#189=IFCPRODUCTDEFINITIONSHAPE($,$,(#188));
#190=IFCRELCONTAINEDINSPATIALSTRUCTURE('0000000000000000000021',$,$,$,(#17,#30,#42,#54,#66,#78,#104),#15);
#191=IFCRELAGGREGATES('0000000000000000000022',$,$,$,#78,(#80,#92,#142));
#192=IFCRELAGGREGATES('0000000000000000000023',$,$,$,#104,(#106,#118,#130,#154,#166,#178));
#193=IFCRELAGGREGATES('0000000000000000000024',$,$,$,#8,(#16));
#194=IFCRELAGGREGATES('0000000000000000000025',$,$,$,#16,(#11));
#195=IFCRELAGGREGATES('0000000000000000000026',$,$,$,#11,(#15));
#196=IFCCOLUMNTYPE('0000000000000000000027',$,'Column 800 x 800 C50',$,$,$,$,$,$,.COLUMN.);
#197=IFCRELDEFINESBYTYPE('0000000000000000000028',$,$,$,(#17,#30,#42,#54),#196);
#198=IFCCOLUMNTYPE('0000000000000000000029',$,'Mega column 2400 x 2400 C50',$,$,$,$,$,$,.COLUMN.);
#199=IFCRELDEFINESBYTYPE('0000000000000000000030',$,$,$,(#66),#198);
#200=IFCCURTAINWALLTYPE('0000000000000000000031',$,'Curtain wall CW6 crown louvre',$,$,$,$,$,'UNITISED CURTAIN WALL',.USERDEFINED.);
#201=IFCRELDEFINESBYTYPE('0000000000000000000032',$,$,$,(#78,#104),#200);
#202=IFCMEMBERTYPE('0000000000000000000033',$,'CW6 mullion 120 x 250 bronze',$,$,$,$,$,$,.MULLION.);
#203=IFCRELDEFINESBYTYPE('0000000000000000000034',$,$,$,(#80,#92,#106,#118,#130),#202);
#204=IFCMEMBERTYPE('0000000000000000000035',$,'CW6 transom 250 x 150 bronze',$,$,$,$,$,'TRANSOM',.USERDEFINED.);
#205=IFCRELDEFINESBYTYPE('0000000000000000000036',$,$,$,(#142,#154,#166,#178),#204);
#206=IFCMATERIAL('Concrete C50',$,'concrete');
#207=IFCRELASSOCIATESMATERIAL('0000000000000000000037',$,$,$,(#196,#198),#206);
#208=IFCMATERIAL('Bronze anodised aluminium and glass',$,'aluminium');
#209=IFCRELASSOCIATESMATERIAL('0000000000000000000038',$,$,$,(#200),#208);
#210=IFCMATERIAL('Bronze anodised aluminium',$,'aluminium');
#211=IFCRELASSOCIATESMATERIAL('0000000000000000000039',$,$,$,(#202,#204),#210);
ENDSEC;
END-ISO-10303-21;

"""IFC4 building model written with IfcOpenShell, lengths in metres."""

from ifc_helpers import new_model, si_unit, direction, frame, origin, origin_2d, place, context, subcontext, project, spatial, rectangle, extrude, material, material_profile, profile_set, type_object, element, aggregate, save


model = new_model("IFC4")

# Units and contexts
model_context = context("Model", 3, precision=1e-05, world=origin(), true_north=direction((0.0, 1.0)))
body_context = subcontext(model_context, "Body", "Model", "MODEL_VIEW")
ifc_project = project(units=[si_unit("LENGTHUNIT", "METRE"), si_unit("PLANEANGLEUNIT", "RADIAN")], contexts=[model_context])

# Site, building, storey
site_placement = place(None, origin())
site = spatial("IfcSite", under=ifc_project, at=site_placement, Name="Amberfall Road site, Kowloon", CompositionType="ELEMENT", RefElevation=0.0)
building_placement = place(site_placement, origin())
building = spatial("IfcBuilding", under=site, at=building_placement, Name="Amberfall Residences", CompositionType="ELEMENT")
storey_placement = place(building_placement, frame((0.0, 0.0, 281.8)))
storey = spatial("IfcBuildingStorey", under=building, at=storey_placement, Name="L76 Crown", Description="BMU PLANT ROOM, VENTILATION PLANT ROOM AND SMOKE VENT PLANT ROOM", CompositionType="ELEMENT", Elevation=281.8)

============

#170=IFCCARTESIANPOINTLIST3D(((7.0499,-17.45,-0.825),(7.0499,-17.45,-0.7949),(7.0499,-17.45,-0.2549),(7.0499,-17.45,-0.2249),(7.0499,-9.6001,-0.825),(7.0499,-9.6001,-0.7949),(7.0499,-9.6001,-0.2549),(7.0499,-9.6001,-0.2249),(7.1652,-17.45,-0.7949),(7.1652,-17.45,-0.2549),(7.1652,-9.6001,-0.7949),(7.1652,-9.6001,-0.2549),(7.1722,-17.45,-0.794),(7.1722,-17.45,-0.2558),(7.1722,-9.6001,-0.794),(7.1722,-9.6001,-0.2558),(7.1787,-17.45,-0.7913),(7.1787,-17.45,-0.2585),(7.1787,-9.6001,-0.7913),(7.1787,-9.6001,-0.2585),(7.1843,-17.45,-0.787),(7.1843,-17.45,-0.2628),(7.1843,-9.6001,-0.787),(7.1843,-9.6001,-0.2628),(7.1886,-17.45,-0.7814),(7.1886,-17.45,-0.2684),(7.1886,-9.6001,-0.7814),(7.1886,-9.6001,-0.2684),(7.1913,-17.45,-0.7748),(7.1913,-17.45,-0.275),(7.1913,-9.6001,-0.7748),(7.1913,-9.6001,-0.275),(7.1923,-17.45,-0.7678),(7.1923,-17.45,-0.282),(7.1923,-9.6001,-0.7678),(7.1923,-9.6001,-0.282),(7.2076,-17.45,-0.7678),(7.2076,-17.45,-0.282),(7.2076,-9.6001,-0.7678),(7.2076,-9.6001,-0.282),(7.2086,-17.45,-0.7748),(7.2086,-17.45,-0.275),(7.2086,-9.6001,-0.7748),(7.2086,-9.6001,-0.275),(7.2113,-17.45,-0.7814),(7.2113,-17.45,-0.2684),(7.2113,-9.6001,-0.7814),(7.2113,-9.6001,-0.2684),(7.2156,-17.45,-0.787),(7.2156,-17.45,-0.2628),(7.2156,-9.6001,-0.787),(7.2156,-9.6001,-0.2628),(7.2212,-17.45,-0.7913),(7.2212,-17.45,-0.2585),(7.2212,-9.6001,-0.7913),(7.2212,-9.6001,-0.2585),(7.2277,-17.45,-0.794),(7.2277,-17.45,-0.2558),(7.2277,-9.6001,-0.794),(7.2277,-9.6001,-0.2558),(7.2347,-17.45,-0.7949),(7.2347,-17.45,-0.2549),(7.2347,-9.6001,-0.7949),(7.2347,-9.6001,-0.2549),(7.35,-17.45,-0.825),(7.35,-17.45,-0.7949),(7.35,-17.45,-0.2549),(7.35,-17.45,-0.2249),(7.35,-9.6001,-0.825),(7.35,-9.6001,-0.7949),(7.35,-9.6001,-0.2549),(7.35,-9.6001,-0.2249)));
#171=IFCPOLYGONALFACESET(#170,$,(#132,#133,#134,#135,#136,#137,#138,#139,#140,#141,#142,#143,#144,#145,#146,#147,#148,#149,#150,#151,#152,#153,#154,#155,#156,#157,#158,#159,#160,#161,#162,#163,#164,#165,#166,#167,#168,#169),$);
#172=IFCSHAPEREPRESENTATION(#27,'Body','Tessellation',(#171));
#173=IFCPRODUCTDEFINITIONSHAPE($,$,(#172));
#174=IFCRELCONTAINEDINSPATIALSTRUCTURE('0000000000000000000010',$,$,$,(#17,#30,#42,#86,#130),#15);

============

■ Prompt ■
In the data above, start at the line that has "site_placement = place(None, origin())", stop after the line that has "frame((0.0, 0.0, 281.8)))", and print every line in between exactly as it stands.

■ The completed task ■
site_placement = place(None, origin())
site = spatial("IfcSite", under=ifc_project, at=site_placement, Name="Amberfall Road site, Kowloon", CompositionType="ELEMENT", RefElevation=0.0)
building_placement = place(site_placement, origin())
building = spatial("IfcBuilding", under=site, at=building_placement, Name="Amberfall Residences", CompositionType="ELEMENT")
storey_placement = place(building_placement, frame((0.0, 0.0, 281.8)))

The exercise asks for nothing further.